__Data under study__.

━━━━━━

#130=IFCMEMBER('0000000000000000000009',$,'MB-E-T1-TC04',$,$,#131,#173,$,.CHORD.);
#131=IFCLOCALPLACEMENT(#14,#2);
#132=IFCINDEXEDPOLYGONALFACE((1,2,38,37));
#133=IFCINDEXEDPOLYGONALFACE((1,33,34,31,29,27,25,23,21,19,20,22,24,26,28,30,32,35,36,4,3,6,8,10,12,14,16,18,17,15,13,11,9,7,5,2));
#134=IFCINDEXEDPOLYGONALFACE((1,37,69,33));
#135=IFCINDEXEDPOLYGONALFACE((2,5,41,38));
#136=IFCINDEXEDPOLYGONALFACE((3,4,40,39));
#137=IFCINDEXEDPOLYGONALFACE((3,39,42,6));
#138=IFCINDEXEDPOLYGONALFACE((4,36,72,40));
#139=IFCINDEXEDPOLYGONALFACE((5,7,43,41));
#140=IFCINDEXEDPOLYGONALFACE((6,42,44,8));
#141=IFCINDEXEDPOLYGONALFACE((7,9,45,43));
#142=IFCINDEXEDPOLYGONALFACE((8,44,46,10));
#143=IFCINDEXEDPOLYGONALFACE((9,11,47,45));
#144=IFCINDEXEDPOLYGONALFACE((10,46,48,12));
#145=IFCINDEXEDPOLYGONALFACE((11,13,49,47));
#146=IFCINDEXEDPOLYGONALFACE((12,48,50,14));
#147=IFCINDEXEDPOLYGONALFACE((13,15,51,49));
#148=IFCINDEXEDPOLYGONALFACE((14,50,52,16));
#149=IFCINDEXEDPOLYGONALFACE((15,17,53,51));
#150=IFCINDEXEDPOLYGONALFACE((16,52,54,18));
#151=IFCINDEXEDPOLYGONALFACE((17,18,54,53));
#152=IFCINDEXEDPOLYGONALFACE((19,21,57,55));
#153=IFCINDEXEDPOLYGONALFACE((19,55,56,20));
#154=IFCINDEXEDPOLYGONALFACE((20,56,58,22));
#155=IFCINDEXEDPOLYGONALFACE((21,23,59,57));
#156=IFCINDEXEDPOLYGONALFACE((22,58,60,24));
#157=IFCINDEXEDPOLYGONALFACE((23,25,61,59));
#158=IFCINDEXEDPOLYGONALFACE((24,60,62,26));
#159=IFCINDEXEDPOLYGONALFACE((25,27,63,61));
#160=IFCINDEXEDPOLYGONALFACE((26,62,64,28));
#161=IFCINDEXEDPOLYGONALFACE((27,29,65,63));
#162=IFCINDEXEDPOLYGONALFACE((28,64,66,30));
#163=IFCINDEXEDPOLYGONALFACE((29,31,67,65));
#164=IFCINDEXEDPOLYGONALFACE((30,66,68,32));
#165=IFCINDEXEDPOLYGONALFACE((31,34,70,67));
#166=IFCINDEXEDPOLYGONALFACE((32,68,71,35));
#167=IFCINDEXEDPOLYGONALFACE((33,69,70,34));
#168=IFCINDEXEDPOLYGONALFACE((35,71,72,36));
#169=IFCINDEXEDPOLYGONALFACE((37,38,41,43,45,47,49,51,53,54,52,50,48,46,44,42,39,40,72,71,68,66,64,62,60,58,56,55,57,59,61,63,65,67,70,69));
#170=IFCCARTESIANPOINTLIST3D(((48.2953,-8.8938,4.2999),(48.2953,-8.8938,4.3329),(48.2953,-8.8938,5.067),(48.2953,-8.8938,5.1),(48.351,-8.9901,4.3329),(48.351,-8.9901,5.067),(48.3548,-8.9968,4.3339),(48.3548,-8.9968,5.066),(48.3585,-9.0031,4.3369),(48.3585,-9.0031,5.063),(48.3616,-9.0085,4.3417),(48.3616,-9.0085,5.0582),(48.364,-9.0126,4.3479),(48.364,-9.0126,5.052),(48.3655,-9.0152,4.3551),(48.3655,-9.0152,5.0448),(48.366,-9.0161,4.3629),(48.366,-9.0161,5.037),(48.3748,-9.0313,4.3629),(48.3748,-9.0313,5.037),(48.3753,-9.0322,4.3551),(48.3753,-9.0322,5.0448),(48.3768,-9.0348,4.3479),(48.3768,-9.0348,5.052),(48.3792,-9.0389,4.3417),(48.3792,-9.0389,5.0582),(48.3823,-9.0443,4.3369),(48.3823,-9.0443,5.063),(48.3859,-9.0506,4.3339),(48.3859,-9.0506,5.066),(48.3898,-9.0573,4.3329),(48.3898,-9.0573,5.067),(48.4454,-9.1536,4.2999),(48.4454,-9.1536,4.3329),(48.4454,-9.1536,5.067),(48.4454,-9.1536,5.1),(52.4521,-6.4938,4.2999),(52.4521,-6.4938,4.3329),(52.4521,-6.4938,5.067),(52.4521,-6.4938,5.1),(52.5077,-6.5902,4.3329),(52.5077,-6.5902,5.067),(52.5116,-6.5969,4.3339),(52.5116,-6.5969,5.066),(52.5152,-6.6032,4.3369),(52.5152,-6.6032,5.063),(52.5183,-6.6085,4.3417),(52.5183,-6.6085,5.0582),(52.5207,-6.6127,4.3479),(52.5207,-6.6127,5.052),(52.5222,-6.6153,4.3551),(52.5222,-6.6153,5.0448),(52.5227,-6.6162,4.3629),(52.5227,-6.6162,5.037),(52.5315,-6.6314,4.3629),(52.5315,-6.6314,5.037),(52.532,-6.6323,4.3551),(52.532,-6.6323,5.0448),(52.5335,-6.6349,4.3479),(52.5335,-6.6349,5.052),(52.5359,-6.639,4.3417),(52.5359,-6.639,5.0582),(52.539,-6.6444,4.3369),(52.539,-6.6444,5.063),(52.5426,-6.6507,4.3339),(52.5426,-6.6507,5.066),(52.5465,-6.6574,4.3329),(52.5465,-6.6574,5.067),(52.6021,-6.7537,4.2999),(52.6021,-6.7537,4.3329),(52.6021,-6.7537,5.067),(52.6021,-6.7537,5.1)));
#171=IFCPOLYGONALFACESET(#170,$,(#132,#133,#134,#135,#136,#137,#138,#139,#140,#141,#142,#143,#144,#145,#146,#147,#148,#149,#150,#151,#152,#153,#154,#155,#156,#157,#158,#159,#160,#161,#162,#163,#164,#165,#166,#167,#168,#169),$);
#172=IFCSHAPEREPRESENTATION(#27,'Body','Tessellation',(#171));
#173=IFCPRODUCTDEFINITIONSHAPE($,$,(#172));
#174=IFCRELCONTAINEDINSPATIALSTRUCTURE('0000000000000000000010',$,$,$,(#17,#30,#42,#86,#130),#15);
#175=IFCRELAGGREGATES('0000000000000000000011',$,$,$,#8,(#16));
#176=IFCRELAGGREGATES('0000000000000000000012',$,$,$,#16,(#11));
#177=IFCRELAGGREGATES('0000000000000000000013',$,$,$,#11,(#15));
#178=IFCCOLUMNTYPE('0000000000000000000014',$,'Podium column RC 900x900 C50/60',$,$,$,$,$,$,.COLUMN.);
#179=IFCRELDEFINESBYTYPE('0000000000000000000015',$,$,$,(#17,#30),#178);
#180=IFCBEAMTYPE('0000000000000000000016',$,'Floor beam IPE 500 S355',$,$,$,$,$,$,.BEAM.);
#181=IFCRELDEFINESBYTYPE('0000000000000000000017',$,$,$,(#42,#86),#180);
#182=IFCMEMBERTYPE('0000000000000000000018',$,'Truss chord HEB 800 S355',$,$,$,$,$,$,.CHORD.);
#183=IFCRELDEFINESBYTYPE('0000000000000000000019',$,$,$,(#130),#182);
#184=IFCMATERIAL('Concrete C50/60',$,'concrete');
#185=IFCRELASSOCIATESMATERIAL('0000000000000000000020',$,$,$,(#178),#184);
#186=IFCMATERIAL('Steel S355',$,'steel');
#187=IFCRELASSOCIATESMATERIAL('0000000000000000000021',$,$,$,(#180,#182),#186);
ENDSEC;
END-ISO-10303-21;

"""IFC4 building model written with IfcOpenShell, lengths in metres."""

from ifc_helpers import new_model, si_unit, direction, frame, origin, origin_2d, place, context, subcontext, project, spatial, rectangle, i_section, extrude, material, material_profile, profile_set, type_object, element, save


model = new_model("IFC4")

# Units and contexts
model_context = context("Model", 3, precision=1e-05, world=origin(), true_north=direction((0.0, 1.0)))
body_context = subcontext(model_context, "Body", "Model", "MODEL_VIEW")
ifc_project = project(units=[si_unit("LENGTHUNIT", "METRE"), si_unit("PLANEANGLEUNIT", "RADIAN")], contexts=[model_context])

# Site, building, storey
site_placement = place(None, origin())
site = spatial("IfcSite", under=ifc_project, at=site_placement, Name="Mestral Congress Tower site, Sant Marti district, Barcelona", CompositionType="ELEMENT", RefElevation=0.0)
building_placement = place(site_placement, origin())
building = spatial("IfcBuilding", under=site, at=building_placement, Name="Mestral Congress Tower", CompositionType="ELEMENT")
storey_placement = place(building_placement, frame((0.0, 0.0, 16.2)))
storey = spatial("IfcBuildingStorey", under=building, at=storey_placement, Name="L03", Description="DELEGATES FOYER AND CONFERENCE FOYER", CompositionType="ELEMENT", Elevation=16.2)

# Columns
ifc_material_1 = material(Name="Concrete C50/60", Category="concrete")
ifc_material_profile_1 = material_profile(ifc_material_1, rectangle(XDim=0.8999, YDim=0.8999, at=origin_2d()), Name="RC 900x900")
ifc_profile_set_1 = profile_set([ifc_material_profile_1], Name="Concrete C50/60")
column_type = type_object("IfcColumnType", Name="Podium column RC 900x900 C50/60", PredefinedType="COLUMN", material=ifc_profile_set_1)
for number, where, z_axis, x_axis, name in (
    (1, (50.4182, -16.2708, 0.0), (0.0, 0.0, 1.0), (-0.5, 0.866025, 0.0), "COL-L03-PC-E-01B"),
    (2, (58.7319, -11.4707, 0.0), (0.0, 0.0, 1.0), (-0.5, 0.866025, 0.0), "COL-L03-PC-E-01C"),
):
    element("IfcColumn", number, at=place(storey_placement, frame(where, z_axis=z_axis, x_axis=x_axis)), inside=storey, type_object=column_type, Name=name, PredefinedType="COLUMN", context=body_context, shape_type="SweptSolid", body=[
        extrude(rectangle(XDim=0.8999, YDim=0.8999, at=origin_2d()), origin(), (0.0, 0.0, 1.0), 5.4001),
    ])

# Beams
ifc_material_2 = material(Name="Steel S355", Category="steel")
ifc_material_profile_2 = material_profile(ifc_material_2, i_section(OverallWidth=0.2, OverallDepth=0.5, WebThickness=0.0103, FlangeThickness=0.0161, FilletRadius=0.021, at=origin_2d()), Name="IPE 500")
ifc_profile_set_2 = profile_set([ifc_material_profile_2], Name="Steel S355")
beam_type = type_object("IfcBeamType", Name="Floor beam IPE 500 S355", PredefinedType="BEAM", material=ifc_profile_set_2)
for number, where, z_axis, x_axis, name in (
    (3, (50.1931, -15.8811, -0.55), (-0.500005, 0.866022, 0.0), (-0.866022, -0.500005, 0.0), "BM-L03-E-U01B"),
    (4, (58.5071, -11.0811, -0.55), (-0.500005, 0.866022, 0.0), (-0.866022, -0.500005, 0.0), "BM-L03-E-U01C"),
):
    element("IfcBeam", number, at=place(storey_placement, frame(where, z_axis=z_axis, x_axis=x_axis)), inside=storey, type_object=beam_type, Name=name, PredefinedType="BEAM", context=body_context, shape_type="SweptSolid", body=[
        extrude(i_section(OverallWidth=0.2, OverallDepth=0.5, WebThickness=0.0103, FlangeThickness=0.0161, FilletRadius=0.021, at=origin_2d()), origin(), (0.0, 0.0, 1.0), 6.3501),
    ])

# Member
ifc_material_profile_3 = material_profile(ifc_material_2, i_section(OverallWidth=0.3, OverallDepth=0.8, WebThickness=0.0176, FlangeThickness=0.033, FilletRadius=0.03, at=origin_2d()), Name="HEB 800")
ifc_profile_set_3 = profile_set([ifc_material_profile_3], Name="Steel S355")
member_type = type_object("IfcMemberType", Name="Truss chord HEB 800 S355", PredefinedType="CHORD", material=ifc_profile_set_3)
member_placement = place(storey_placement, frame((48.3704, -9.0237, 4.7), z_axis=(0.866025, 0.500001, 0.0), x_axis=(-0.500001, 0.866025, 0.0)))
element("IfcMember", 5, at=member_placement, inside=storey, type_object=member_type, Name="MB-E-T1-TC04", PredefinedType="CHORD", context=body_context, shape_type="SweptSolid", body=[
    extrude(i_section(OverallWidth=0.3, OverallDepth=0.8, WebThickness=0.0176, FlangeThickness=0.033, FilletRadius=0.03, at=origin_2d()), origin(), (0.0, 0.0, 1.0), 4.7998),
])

━━━━━━

__Problem statement__.
Using only the listing above, restate exactly the lines from the line containing "#151=IFCINDEXEDPOLYGONALFACE((17,18,54,53));" through the line containing "#157=IFCINDEXEDPOLYGONALFACE((23,25,61,59));", both included.

__Exercise response__.
#151=IFCINDEXEDPOLYGONALFACE((17,18,54,53));
#152=IFCINDEXEDPOLYGONALFACE((19,21,57,55));
#153=IFCINDEXEDPOLYGONALFACE((19,55,56,20));
#154=IFCINDEXEDPOLYGONALFACE((20,56,58,22));
#155=IFCINDEXEDPOLYGONALFACE((21,23,59,57));
#156=IFCINDEXEDPOLYGONALFACE((22,58,60,24));
#157=IFCINDEXEDPOLYGONALFACE((23,25,61,59));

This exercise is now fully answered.